__Source data__
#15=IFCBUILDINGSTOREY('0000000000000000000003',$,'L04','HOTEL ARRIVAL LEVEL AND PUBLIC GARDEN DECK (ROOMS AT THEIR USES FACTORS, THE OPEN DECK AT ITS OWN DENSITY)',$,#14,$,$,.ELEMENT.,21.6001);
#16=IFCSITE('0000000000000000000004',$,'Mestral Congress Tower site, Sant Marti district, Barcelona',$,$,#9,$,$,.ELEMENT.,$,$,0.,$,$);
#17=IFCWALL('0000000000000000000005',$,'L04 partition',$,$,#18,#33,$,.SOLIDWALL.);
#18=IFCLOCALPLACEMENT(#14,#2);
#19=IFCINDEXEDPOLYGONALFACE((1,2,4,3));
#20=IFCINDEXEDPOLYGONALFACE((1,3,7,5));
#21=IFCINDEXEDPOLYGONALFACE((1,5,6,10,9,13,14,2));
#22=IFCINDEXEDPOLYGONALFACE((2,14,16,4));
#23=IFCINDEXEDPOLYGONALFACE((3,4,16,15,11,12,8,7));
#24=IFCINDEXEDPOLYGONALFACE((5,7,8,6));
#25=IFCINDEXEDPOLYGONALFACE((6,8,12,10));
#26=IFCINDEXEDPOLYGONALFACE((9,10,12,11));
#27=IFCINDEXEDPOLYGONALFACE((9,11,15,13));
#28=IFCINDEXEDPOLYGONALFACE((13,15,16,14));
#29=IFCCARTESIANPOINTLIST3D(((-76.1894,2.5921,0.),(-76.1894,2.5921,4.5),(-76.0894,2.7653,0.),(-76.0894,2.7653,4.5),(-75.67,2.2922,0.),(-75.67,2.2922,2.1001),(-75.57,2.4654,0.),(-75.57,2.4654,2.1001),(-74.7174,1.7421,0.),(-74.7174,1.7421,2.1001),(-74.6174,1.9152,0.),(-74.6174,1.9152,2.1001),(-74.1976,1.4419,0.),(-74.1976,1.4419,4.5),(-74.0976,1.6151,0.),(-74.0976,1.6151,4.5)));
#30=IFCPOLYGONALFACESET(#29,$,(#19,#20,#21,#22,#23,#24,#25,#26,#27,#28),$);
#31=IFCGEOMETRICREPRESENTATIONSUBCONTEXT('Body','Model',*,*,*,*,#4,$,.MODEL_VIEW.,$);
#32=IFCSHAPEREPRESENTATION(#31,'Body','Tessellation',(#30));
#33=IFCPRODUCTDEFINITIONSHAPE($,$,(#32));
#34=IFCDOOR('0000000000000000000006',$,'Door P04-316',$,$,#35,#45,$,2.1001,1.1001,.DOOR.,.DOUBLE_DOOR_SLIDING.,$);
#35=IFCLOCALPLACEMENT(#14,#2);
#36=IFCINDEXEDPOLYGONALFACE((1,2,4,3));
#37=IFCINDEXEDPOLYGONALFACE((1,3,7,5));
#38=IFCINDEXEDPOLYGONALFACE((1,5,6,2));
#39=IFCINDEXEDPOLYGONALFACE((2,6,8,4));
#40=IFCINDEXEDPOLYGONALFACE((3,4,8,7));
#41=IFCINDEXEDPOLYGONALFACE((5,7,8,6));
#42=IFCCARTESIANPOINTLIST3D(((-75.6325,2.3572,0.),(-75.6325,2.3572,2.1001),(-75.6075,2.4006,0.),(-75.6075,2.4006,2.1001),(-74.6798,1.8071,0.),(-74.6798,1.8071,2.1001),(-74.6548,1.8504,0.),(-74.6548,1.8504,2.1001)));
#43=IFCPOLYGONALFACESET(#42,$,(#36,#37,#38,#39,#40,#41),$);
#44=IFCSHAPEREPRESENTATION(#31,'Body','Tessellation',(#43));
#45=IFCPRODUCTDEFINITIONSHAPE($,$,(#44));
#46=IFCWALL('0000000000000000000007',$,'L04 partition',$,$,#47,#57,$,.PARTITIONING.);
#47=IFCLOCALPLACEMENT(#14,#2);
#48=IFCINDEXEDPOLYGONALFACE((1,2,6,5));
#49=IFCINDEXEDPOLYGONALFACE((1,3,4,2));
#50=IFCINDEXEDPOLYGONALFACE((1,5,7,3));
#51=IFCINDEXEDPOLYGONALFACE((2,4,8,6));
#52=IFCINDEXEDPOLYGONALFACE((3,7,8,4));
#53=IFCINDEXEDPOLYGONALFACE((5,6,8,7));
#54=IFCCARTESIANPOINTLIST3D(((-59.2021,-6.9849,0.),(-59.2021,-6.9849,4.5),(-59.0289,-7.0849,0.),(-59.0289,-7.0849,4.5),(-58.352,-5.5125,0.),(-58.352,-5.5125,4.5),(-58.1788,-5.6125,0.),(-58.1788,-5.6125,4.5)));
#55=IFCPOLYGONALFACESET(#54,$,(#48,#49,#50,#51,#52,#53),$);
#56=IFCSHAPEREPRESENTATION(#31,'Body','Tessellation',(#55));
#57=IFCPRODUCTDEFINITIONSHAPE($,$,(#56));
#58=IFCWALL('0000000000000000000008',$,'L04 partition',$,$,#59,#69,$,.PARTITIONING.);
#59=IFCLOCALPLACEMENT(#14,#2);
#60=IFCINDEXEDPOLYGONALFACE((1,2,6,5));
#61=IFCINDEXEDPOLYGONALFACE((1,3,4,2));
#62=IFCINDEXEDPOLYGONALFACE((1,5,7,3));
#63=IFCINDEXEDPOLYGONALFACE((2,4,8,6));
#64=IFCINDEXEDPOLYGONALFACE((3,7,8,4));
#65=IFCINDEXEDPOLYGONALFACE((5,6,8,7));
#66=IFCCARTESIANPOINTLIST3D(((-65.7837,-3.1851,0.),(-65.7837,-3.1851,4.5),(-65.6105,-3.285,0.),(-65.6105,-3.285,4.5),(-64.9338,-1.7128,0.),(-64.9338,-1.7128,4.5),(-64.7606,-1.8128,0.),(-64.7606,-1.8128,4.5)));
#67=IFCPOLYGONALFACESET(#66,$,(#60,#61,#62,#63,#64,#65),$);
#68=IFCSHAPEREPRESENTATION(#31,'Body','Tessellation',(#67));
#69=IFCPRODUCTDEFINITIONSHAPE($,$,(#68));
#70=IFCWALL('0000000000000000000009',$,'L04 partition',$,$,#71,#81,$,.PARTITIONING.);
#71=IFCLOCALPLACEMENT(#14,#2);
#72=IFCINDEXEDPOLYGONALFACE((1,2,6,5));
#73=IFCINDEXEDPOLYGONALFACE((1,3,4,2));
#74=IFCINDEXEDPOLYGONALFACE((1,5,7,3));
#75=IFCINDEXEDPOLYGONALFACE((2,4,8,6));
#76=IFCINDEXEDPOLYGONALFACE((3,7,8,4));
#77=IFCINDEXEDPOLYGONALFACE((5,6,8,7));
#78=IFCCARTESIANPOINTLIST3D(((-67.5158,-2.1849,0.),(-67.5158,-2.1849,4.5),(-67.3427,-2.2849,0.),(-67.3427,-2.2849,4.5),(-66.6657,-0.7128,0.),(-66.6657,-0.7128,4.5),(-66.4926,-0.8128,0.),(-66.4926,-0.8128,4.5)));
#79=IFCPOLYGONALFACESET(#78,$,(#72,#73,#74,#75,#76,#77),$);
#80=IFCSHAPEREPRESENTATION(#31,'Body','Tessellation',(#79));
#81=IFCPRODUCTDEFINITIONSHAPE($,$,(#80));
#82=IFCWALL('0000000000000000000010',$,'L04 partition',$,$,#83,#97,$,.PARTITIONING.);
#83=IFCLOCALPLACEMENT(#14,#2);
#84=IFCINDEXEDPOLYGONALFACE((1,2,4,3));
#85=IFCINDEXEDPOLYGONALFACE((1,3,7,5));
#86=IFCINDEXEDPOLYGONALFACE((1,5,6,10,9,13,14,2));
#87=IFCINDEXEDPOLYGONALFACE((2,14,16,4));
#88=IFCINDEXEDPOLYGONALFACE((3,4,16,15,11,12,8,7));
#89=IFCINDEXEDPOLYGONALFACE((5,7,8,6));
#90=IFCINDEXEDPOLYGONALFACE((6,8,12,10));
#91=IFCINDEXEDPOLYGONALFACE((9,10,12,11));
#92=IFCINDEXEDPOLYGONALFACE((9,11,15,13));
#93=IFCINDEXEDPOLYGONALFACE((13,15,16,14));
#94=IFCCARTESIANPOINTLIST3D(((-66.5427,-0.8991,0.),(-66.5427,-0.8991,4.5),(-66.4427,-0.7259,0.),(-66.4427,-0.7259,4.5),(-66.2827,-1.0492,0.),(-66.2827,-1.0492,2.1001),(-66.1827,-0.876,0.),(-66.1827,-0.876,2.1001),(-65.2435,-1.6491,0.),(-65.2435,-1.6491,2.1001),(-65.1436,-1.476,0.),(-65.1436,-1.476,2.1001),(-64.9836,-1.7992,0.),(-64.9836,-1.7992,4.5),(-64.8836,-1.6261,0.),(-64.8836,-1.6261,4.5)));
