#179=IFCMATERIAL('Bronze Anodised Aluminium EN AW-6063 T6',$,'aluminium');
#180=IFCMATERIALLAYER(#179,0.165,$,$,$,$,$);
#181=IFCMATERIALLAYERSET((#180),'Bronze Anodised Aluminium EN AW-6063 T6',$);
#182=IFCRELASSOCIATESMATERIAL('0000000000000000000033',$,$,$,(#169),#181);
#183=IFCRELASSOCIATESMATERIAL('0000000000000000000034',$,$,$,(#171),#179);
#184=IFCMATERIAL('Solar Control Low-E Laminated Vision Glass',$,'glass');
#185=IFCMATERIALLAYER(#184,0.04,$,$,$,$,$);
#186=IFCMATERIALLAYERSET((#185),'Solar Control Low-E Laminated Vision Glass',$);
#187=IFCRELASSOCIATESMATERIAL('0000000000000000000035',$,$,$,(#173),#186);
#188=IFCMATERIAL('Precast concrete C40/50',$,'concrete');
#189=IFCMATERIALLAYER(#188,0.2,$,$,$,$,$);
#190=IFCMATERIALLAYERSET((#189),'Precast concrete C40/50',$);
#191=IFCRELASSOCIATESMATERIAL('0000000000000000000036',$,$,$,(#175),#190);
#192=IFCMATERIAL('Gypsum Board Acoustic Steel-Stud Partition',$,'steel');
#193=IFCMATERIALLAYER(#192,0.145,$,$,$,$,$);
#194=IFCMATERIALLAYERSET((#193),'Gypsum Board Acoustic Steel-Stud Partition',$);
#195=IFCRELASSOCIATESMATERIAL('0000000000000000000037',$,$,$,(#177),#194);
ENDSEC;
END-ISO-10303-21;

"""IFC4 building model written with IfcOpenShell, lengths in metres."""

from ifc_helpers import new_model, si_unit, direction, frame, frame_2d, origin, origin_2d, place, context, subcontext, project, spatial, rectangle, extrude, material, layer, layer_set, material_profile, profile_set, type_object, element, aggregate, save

__Requirement__
If a line in the data contains the string "Anodised", copy it.

__Solution to this problem__
#179=IFCMATERIAL('Bronze Anodised Aluminium EN AW-6063 T6',$,'aluminium');
#181=IFCMATERIALLAYERSET((#180),'Bronze Anodised Aluminium EN AW-6063 T6',$);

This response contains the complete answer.